_Work to complete:_
Check each line of the data below for the word "IFCPRODUCTDEFINITIONSHAPE", then extract the ones that have it.
====== Exercise material
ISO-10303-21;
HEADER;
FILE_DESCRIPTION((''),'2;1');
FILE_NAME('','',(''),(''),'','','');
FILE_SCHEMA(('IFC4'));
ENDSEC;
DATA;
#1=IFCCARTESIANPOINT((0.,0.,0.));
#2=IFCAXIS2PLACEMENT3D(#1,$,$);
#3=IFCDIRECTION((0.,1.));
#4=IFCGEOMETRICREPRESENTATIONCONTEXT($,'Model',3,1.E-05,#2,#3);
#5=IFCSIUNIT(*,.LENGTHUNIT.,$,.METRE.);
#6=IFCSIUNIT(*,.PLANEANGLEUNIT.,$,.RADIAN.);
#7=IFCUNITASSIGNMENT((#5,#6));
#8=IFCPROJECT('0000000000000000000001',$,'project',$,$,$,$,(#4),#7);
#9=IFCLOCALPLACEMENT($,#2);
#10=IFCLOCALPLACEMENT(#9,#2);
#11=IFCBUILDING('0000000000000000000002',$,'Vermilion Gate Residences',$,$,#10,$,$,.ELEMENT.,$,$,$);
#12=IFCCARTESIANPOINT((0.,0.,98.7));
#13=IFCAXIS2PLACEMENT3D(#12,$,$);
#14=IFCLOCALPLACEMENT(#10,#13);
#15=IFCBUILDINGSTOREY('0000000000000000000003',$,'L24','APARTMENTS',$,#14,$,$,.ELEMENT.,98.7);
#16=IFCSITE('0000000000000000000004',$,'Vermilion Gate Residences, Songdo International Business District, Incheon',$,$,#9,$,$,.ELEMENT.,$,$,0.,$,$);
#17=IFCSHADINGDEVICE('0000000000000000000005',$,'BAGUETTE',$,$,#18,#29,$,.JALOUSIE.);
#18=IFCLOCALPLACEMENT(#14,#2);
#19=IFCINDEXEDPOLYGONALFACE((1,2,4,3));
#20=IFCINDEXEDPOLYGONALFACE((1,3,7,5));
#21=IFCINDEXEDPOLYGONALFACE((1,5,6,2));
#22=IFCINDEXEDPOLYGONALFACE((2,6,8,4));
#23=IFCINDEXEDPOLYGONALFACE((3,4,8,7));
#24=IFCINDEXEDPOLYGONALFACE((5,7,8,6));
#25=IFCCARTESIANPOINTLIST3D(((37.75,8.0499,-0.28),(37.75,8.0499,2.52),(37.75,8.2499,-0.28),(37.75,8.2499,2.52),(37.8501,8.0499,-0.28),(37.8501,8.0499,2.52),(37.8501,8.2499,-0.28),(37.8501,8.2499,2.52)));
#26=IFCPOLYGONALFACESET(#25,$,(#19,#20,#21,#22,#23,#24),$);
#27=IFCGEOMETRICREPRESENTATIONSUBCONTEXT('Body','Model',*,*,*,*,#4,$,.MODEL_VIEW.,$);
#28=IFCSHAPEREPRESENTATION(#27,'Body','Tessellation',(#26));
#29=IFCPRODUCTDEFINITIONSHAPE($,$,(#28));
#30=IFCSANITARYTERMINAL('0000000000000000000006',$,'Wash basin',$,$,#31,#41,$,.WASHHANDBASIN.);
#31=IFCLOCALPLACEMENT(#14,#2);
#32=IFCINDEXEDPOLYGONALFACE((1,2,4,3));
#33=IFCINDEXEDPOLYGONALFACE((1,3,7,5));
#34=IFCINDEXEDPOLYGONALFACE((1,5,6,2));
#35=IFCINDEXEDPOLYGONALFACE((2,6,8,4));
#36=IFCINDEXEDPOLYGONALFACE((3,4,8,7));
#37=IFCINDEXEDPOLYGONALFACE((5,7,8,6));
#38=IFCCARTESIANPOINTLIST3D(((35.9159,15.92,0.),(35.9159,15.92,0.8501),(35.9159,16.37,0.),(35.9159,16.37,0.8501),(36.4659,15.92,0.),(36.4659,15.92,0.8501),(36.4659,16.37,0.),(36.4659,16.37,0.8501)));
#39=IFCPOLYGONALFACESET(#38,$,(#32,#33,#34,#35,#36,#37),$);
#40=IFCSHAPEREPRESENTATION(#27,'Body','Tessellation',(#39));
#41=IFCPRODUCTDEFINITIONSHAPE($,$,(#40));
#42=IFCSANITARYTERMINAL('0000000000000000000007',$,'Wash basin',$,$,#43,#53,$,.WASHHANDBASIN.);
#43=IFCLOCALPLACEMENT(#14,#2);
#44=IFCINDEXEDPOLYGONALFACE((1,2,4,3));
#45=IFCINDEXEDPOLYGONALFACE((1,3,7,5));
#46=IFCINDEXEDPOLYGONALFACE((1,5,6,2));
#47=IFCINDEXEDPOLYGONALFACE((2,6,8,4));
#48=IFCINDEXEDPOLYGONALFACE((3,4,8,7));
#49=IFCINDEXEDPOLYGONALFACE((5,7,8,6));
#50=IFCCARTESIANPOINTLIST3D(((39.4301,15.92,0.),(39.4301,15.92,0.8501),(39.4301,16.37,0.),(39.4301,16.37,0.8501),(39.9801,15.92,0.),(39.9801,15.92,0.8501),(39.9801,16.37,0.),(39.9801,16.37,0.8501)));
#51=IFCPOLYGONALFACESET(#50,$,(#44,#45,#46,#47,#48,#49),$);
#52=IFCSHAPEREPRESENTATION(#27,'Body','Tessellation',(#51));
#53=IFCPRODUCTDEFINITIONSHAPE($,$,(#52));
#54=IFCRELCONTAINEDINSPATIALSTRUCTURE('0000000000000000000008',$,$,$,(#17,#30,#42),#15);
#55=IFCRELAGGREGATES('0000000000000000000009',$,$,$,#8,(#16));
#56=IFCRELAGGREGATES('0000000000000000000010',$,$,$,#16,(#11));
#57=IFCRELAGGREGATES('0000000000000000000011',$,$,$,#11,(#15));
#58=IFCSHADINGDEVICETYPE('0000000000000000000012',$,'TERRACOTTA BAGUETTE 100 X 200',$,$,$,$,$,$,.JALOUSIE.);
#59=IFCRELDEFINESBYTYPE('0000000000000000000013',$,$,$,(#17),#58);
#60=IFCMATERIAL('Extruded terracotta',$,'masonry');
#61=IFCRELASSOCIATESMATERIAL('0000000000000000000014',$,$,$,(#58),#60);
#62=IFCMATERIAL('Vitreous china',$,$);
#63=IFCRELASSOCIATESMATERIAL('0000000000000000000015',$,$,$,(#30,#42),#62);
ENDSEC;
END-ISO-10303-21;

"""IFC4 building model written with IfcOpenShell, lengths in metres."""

from ifc_helpers import new_model, si_unit, direction, frame, origin, origin_2d, place, context, subcontext, project, spatial, rectangle, extrude, material, material_profile, profile_set, type_object, element, save


model = new_model("IFC4")

# Units and contexts
model_context = context("Model", 3, precision=1e-05, world=origin(), true_north=direction((0.0, 1.0)))
body_context = subcontext(model_context, "Body", "Model", "MODEL_VIEW")
ifc_project = project(units=[si_unit("LENGTHUNIT", "METRE"), si_unit("PLANEANGLEUNIT", "RADIAN")], contexts=[model_context])

# Site, building, storey
site_placement = place(None, origin())
site = spatial("IfcSite", under=ifc_project, at=site_placement, Name="Vermilion Gate Residences, Songdo International Business District, Incheon", CompositionType="ELEMENT", RefElevation=0.0)
building_placement = place(site_placement, origin())
building = spatial("IfcBuilding", under=site, at=building_placement, Name="Vermilion Gate Residences", CompositionType="ELEMENT")
storey_placement = place(building_placement, frame((0.0, 0.0, 98.7)))
storey = spatial("IfcBuildingStorey", under=building, at=storey_placement, Name="L24", Description="APARTMENTS", CompositionType="ELEMENT", Elevation=98.7)

# Shading device
ifc_material_1 = material(Name="Extruded terracotta", Category="masonry")
ifc_material_profile_1 = material_profile(ifc_material_1, rectangle(XDim=0.2, YDim=0.1001, at=origin_2d()), Name="BAGUETTE 100 X 200")
ifc_profile_set_1 = profile_set([ifc_material_profile_1], Name="Extruded terracotta")
shading_device_type = type_object("IfcShadingDeviceType", Name="TERRACOTTA BAGUETTE 100 X 200", PredefinedType="JALOUSIE", material=ifc_profile_set_1)
shading_device_placement = place(storey_placement, frame((37.8, 8.1499, -0.28), z_axis=(0.0, 0.0, 1.0), x_axis=(0.0, 1.0, 0.0)))
element("IfcShadingDevice", 1, at=shading_device_placement, inside=storey, type_object=shading_device_type, Name="BAGUETTE", PredefinedType="JALOUSIE", context=body_context, shape_type="SweptSolid", body=[
    extrude(rectangle(XDim=0.2, YDim=0.1001, at=origin_2d()), origin(), (0.0, 0.0, 1.0), 2.8),
])

# Sanitary terminals
ifc_material_2 = material(Name="Vitreous china")
for number, where, z_axis, x_axis, name in (
    (2, (36.1909, 16.145, 0.0), (0.0, 0.0, 1.0), (1.0, 0.0, 0.0), "Wash basin"),
    (3, (39.7051, 16.145, 0.0), (0.0, 0.0, 1.0), (1.0, 0.0, 0.0), "Wash basin"),
):
    element("IfcSanitaryTerminal", number, at=place(storey_placement, frame(where, z_axis=z_axis, x_axis=x_axis)), inside=storey, material=ifc_material_2, Name=name, PredefinedType="WASHHANDBASIN", context=body_context, shape_type="SweptSolid", body=[
        extrude(rectangle(XDim=0.55, YDim=0.45, at=origin_2d()), origin(), (0.0, 0.0, 1.0), 0.8501),
    ])

save(model, "model.ifc")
============
_Result of this task:_
#29=IFCPRODUCTDEFINITIONSHAPE($,$,(#28));
#41=IFCPRODUCTDEFINITIONSHAPE($,$,(#40));
#53=IFCPRODUCTDEFINITIONSHAPE($,$,(#52));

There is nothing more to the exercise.